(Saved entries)
= = =
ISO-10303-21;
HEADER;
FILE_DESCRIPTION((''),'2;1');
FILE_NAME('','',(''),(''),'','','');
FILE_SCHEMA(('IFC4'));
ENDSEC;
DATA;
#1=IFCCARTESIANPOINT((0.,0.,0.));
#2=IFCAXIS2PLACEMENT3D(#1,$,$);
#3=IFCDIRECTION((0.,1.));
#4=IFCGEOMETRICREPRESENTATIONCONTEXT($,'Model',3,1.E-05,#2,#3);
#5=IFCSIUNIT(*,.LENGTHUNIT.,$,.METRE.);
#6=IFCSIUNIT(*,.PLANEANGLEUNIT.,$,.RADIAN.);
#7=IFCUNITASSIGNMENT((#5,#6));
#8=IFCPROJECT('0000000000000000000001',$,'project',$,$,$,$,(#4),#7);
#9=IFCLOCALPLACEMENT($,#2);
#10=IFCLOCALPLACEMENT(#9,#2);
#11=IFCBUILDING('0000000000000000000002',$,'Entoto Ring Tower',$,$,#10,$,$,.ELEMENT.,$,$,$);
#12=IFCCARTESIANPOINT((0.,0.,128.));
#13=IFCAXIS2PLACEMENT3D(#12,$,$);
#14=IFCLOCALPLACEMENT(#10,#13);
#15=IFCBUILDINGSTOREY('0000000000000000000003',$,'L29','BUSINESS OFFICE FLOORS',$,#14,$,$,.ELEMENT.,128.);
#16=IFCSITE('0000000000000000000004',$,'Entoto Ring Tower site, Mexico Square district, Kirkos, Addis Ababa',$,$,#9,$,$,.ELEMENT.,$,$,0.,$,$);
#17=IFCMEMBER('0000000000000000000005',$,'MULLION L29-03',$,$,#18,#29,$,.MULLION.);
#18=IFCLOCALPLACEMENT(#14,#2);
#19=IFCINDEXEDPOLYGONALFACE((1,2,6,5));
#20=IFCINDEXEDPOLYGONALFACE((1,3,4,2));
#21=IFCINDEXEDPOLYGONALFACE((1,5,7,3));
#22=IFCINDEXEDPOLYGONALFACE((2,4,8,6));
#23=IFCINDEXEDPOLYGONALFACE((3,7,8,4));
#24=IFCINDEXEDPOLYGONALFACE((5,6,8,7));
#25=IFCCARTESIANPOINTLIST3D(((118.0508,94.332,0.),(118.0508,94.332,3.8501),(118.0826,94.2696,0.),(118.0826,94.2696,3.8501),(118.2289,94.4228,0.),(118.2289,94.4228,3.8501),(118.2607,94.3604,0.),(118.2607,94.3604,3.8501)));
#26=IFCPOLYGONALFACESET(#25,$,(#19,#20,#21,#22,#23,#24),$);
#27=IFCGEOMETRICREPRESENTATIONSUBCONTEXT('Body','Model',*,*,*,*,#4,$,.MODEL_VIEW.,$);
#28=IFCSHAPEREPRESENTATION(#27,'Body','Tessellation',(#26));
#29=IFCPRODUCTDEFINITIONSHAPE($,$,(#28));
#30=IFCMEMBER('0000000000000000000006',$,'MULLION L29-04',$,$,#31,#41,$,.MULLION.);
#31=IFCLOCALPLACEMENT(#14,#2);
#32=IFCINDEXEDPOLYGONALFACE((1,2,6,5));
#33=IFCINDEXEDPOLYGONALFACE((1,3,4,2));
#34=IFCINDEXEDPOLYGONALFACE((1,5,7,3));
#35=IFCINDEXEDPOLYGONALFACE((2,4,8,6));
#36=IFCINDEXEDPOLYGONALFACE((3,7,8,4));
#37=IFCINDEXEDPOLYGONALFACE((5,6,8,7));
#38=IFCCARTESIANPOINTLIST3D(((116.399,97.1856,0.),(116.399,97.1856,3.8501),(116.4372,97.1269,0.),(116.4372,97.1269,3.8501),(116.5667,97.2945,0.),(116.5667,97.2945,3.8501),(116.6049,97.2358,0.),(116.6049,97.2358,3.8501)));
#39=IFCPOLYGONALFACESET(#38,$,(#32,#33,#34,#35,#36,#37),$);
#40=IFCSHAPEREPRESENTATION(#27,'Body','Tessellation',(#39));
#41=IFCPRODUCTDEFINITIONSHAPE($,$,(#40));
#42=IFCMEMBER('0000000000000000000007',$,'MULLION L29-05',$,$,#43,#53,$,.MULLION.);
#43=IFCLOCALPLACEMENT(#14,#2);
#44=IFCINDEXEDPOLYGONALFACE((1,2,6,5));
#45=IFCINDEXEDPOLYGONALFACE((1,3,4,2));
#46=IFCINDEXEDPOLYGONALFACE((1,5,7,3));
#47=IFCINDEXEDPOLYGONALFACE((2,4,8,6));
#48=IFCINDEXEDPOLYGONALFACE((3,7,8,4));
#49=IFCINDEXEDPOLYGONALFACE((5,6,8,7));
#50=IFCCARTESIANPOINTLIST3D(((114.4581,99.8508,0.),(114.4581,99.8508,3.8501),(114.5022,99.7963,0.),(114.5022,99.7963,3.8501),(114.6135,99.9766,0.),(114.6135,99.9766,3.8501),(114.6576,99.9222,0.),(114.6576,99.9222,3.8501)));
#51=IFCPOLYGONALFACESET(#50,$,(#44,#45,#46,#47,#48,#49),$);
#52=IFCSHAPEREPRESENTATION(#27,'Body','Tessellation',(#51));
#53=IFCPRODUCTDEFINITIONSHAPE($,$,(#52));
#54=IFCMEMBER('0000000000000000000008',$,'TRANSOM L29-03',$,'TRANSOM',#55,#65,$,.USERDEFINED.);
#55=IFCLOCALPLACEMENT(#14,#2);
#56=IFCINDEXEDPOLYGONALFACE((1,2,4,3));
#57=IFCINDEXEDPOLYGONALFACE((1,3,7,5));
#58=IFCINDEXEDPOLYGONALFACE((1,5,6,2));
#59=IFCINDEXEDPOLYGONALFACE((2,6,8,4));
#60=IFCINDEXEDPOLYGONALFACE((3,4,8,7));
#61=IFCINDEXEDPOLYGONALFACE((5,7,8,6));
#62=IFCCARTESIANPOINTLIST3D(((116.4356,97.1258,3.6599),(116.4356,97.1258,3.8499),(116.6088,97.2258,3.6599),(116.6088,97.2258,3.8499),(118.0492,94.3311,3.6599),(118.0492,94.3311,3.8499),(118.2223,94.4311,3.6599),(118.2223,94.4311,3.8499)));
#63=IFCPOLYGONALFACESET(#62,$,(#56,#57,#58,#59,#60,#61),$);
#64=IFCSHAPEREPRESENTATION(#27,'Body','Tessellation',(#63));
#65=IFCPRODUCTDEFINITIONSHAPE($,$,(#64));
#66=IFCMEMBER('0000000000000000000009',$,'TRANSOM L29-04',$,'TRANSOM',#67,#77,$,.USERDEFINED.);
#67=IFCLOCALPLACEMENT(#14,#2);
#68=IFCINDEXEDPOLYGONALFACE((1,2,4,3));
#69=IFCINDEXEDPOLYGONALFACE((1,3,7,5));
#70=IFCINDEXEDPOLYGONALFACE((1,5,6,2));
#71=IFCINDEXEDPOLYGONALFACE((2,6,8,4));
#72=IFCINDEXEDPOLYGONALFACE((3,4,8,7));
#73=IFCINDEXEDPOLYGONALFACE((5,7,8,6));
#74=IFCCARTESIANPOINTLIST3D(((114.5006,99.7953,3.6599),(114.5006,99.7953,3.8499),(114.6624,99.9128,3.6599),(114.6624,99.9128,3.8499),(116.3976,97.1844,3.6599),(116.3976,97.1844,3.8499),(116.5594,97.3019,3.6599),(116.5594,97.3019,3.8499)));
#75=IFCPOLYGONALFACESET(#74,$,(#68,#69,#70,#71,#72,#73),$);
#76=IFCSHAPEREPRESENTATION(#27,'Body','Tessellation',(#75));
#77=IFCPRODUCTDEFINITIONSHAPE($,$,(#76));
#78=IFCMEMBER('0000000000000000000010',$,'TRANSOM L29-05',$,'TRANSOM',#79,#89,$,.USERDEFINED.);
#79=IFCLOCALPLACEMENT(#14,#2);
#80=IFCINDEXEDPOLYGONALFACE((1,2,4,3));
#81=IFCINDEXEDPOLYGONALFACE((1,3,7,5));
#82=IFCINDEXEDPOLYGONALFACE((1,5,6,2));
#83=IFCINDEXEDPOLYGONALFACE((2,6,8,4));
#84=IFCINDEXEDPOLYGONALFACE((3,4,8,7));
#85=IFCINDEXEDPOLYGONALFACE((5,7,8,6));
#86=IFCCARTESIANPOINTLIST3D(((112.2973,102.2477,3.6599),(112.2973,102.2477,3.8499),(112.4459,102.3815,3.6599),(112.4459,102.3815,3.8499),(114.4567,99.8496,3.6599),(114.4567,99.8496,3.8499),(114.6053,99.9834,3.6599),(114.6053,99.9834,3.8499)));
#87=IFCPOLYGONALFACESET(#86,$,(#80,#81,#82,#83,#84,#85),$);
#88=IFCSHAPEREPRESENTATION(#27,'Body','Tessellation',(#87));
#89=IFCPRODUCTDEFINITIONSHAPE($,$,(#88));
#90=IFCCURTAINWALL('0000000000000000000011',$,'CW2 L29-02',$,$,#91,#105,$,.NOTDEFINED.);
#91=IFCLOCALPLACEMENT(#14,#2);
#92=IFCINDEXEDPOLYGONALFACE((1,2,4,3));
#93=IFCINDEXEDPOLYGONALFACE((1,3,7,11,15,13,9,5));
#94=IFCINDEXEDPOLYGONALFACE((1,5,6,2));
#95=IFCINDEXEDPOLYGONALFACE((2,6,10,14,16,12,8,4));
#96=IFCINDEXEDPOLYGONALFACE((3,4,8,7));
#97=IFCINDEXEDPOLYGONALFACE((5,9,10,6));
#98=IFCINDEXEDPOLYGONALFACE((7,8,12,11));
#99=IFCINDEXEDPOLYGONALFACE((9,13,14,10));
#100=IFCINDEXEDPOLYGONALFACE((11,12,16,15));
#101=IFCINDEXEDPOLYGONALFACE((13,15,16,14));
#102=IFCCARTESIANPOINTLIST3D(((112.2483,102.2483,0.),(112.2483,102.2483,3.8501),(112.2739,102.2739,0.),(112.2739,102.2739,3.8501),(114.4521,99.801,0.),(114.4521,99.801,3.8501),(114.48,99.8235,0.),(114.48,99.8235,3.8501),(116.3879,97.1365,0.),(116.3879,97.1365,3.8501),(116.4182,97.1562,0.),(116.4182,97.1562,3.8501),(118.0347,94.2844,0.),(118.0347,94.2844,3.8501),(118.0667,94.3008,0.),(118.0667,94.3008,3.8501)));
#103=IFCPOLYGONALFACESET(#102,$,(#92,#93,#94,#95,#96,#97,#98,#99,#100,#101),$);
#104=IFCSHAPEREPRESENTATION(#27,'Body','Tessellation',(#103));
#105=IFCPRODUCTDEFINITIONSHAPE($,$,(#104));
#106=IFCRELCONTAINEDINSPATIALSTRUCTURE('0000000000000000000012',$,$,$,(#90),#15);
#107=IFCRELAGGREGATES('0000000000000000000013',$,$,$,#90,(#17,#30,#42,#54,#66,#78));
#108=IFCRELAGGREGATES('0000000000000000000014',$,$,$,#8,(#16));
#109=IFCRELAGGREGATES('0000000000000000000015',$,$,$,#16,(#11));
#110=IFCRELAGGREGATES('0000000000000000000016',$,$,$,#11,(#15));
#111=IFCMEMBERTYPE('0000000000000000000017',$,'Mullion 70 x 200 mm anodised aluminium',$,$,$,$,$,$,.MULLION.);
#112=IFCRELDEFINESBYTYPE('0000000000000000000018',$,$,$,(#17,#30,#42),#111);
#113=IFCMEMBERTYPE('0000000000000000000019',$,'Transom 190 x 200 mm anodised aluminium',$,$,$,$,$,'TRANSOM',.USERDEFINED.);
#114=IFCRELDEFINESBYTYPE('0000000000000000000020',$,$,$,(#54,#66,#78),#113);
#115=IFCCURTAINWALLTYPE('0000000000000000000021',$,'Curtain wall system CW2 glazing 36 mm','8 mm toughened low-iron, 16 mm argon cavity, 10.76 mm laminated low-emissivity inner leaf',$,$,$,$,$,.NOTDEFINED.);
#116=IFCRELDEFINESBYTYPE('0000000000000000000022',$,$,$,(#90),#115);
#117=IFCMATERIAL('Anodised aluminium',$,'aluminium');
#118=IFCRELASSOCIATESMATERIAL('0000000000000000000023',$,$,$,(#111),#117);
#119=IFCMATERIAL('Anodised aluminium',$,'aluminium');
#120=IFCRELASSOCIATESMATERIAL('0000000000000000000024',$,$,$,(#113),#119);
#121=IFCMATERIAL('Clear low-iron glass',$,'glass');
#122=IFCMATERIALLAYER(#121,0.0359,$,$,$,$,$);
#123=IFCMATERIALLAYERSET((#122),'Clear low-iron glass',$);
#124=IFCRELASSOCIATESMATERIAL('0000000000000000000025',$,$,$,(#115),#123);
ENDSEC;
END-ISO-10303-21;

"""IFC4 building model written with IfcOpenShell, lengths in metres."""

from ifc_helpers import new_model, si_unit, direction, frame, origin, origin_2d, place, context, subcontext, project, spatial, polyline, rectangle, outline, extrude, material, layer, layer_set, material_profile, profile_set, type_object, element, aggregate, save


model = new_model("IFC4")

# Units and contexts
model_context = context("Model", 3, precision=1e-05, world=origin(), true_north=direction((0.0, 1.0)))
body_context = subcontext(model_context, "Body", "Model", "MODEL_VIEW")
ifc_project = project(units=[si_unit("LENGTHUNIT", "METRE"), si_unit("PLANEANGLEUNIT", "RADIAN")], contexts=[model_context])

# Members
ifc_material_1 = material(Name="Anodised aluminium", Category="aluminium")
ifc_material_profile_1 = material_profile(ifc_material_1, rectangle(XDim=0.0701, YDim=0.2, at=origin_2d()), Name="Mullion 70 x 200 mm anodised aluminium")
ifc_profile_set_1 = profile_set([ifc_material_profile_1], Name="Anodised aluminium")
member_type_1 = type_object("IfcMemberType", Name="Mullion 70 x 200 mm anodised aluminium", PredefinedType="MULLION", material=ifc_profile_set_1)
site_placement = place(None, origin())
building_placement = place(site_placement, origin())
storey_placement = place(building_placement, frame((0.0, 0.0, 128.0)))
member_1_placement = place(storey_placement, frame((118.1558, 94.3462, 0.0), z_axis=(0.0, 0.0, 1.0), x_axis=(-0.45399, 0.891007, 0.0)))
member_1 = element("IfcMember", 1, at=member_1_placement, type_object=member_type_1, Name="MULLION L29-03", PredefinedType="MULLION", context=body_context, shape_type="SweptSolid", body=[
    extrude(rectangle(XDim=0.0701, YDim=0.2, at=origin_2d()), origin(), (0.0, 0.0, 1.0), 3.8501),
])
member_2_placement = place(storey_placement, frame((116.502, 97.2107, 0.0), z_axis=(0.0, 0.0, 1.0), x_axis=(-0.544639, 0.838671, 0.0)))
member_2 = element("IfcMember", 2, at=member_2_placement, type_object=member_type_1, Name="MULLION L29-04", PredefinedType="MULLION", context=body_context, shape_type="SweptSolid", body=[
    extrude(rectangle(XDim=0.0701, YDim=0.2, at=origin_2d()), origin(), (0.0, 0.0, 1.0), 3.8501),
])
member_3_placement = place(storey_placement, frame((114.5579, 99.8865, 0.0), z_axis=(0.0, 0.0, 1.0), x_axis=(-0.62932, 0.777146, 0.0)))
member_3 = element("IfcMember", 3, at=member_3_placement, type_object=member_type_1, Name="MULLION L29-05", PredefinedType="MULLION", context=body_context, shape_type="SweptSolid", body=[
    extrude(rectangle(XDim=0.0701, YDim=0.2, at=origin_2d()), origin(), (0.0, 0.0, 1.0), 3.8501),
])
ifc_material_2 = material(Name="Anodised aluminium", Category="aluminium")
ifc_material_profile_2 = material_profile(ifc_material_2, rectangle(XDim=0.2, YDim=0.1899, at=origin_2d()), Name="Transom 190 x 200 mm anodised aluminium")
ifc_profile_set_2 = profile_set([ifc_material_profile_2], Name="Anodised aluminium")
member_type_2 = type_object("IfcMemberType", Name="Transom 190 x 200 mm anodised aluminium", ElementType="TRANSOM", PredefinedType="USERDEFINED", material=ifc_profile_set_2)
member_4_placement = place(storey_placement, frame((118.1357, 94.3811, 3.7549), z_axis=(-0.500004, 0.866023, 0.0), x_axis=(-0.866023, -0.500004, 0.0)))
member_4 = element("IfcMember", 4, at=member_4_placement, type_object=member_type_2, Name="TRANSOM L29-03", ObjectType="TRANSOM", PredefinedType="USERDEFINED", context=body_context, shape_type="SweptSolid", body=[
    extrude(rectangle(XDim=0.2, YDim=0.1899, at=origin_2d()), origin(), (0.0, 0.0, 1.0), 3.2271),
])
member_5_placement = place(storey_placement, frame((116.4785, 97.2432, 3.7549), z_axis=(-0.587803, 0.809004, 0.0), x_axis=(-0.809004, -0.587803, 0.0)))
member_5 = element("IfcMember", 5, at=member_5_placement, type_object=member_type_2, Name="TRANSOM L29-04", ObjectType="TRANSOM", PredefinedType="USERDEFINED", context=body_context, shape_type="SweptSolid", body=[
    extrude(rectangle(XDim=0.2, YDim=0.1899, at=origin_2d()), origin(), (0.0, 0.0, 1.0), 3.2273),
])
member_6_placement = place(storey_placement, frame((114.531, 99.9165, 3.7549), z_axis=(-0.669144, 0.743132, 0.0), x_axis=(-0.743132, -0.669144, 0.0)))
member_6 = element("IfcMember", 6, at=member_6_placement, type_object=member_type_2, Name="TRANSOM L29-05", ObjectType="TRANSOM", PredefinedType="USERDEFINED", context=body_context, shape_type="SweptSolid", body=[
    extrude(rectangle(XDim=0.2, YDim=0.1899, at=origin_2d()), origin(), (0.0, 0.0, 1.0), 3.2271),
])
= = =
Exercise objective.
Identify every line above with the string "IFCRELDEFINESBYTYPE" in it. Copy those lines.

The completed task.
#112=IFCRELDEFINESBYTYPE('0000000000000000000018',$,$,$,(#17,#30,#42),#111);
#114=IFCRELDEFINESBYTYPE('0000000000000000000020',$,$,$,(#54,#66,#78),#113);
#116=IFCRELDEFINESBYTYPE('0000000000000000000022',$,$,$,(#90),#115);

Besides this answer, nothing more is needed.